### Prompt
Of the lines in the data below, write out exactly those from the one holding "#165=IFCINDEXEDPOLYGONALFACE((37,41,42,38));" through the one holding "END-ISO-10303-21;", both included.

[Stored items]
*** Begin section ***

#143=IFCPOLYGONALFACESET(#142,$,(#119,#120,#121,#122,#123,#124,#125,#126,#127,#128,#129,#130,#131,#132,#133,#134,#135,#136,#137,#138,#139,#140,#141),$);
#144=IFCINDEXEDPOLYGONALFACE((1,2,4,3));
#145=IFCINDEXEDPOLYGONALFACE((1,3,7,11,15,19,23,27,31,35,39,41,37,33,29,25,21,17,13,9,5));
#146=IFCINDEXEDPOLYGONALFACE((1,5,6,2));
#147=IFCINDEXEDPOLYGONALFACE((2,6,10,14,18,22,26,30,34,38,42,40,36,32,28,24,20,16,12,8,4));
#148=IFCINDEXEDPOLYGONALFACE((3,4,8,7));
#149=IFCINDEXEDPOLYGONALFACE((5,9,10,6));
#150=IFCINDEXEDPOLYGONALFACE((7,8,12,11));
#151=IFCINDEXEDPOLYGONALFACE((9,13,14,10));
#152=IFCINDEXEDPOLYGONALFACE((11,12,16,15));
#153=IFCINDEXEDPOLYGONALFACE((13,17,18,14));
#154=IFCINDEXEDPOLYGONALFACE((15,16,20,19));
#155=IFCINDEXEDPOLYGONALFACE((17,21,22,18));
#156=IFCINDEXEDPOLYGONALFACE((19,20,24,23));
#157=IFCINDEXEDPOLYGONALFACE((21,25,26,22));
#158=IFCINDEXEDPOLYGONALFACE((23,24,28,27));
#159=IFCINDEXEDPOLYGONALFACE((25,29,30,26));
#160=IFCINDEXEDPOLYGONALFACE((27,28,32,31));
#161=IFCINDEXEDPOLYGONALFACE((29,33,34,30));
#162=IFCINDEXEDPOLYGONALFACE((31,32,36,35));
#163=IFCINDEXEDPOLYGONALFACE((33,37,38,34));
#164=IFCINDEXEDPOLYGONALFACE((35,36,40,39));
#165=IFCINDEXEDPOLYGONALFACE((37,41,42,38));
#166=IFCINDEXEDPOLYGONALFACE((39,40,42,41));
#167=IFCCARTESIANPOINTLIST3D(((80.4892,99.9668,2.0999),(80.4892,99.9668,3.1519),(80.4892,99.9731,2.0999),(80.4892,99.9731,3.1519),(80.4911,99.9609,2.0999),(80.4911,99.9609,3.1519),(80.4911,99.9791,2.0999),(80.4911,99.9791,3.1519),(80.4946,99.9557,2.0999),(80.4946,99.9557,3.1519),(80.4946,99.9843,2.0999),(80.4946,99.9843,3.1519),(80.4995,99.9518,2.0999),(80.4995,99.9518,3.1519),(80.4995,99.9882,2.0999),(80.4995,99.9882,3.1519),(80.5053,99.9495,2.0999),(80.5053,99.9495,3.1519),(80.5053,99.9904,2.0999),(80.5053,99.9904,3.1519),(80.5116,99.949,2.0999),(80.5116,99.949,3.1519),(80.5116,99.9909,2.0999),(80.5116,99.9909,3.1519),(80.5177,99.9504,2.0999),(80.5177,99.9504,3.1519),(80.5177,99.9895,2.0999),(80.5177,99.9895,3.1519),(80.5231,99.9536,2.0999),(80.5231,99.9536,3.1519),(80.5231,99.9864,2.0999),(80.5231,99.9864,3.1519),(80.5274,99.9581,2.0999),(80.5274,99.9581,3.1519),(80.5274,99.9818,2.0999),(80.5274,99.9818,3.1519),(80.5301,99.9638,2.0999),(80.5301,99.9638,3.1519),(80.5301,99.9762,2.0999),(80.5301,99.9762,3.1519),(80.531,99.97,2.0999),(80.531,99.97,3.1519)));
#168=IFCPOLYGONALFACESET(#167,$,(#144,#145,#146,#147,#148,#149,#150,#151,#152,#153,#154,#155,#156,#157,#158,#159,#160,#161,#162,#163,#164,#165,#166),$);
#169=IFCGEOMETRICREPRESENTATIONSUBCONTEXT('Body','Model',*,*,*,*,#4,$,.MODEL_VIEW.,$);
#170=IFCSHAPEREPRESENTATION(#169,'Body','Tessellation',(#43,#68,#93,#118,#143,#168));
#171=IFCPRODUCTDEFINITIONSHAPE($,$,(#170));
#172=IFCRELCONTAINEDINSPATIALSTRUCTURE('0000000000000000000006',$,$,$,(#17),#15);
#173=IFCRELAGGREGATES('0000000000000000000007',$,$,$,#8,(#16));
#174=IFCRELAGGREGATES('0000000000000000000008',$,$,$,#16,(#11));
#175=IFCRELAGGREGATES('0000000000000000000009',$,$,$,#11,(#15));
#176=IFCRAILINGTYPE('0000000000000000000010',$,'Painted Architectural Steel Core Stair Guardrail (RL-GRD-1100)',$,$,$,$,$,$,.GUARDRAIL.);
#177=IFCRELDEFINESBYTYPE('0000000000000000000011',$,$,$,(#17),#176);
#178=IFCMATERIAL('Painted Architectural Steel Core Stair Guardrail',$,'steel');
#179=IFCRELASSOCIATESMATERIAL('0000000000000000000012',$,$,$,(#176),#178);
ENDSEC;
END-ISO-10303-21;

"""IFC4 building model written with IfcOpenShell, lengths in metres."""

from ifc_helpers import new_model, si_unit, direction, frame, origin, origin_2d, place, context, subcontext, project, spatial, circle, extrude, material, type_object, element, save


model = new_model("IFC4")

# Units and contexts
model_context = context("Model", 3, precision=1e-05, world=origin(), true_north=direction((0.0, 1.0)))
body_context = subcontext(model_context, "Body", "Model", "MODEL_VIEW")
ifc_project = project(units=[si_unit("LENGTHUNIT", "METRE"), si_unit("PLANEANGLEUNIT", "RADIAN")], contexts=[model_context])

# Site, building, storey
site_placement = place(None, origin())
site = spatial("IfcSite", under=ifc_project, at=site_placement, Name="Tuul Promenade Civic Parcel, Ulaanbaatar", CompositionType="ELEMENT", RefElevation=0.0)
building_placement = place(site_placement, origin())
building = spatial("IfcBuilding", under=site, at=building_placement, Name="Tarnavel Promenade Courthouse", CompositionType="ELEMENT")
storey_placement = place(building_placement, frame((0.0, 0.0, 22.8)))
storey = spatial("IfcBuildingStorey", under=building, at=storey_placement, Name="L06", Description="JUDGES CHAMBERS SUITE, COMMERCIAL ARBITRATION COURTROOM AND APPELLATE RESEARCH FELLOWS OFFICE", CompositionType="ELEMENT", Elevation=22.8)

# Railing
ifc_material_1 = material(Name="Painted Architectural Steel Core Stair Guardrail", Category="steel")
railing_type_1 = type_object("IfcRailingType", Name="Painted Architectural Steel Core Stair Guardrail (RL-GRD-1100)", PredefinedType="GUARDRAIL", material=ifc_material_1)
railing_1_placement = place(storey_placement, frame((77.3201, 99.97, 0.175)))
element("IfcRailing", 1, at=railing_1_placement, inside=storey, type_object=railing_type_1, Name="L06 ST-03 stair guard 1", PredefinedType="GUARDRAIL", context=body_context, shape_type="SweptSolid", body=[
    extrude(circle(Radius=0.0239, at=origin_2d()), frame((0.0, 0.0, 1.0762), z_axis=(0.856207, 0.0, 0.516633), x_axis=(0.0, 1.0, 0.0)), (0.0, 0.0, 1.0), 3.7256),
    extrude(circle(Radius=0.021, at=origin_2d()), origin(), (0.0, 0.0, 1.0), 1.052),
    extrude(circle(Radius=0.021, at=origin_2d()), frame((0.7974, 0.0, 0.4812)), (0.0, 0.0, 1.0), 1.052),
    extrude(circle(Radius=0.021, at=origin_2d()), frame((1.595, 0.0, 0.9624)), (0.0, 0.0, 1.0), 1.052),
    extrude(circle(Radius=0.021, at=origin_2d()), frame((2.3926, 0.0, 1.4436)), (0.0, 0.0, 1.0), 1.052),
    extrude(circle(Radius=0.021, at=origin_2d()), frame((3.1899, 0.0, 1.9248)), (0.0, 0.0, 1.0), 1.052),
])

*** End section ***

### Response
#165=IFCINDEXEDPOLYGONALFACE((37,41,42,38));
#166=IFCINDEXEDPOLYGONALFACE((39,40,42,41));
#167=IFCCARTESIANPOINTLIST3D(((80.4892,99.9668,2.0999),(80.4892,99.9668,3.1519),(80.4892,99.9731,2.0999),(80.4892,99.9731,3.1519),(80.4911,99.9609,2.0999),(80.4911,99.9609,3.1519),(80.4911,99.9791,2.0999),(80.4911,99.9791,3.1519),(80.4946,99.9557,2.0999),(80.4946,99.9557,3.1519),(80.4946,99.9843,2.0999),(80.4946,99.9843,3.1519),(80.4995,99.9518,2.0999),(80.4995,99.9518,3.1519),(80.4995,99.9882,2.0999),(80.4995,99.9882,3.1519),(80.5053,99.9495,2.0999),(80.5053,99.9495,3.1519),(80.5053,99.9904,2.0999),(80.5053,99.9904,3.1519),(80.5116,99.949,2.0999),(80.5116,99.949,3.1519),(80.5116,99.9909,2.0999),(80.5116,99.9909,3.1519),(80.5177,99.9504,2.0999),(80.5177,99.9504,3.1519),(80.5177,99.9895,2.0999),(80.5177,99.9895,3.1519),(80.5231,99.9536,2.0999),(80.5231,99.9536,3.1519),(80.5231,99.9864,2.0999),(80.5231,99.9864,3.1519),(80.5274,99.9581,2.0999),(80.5274,99.9581,3.1519),(80.5274,99.9818,2.0999),(80.5274,99.9818,3.1519),(80.5301,99.9638,2.0999),(80.5301,99.9638,3.1519),(80.5301,99.9762,2.0999),(80.5301,99.9762,3.1519),(80.531,99.97,2.0999),(80.531,99.97,3.1519)));
#168=IFCPOLYGONALFACESET(#167,$,(#144,#145,#146,#147,#148,#149,#150,#151,#152,#153,#154,#155,#156,#157,#158,#159,#160,#161,#162,#163,#164,#165,#166),$);
#169=IFCGEOMETRICREPRESENTATIONSUBCONTEXT('Body','Model',*,*,*,*,#4,$,.MODEL_VIEW.,$);
#170=IFCSHAPEREPRESENTATION(#169,'Body','Tessellation',(#43,#68,#93,#118,#143,#168));
#171=IFCPRODUCTDEFINITIONSHAPE($,$,(#170));
#172=IFCRELCONTAINEDINSPATIALSTRUCTURE('0000000000000000000006',$,$,$,(#17),#15);
#173=IFCRELAGGREGATES('0000000000000000000007',$,$,$,#8,(#16));
#174=IFCRELAGGREGATES('0000000000000000000008',$,$,$,#16,(#11));
#175=IFCRELAGGREGATES('0000000000000000000009',$,$,$,#11,(#15));
#176=IFCRAILINGTYPE('0000000000000000000010',$,'Painted Architectural Steel Core Stair Guardrail (RL-GRD-1100)',$,$,$,$,$,$,.GUARDRAIL.);
#177=IFCRELDEFINESBYTYPE('0000000000000000000011',$,$,$,(#17),#176);
#178=IFCMATERIAL('Painted Architectural Steel Core Stair Guardrail',$,'steel');
#179=IFCRELASSOCIATESMATERIAL('0000000000000000000012',$,$,$,(#176),#178);
ENDSEC;
END-ISO-10303-21;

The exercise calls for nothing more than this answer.